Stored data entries

▽

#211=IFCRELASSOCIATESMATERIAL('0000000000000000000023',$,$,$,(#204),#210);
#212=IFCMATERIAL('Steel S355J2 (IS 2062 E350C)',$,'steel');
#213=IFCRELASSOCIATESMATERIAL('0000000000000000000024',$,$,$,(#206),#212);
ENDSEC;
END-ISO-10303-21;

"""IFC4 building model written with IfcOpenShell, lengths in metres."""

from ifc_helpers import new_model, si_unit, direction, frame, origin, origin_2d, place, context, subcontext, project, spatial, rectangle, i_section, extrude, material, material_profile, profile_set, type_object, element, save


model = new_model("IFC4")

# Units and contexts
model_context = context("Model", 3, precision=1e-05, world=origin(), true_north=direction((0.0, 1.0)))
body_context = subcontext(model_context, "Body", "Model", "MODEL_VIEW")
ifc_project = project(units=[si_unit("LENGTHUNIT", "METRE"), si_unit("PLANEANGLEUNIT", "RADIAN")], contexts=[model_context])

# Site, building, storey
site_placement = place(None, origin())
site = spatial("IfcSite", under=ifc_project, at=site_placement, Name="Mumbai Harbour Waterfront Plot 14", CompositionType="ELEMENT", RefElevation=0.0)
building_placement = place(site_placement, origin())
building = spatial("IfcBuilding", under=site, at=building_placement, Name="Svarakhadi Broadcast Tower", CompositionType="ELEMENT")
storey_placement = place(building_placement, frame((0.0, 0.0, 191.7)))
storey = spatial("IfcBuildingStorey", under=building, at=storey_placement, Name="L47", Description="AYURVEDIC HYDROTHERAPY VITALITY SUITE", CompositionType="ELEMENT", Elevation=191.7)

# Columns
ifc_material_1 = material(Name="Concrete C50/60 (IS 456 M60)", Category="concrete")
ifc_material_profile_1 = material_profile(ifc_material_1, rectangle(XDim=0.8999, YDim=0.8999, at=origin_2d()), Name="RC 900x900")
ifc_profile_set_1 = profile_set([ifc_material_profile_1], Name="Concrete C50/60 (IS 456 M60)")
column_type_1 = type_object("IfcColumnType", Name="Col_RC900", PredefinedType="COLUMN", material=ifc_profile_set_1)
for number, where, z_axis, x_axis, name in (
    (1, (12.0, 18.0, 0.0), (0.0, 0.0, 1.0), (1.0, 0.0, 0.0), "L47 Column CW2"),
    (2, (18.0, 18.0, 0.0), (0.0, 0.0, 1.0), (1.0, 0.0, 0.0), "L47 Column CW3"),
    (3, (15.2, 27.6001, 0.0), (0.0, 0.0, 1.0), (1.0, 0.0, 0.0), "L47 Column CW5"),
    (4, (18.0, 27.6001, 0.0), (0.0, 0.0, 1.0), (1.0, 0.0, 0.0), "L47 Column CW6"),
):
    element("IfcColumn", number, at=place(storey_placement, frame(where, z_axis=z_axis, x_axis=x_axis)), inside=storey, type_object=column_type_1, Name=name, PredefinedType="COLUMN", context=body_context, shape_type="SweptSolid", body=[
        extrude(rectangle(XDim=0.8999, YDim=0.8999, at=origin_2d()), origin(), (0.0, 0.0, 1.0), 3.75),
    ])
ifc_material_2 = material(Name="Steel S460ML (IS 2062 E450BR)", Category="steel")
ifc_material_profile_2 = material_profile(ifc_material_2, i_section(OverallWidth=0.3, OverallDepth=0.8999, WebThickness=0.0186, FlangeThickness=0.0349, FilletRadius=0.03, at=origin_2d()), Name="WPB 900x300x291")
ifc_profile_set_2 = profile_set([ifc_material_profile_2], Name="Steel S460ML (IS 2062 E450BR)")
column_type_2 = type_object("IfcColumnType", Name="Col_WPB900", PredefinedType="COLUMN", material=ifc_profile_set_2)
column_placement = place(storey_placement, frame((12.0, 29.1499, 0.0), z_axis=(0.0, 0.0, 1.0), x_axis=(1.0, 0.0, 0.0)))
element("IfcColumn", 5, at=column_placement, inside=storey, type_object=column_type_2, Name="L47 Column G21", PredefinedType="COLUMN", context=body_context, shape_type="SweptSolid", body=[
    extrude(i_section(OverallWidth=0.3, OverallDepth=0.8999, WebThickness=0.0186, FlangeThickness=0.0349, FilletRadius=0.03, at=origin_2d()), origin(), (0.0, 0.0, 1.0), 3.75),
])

△

# Brief:
The answer must consist of every line from the data that holds the string "subcontext".

# Response:
from ifc_helpers import new_model, si_unit, direction, frame, origin, origin_2d, place, context, subcontext, project, spatial, rectangle, i_section, extrude, material, material_profile, profile_set, type_object, element, save
body_context = subcontext(model_context, "Body", "Model", "MODEL_VIEW")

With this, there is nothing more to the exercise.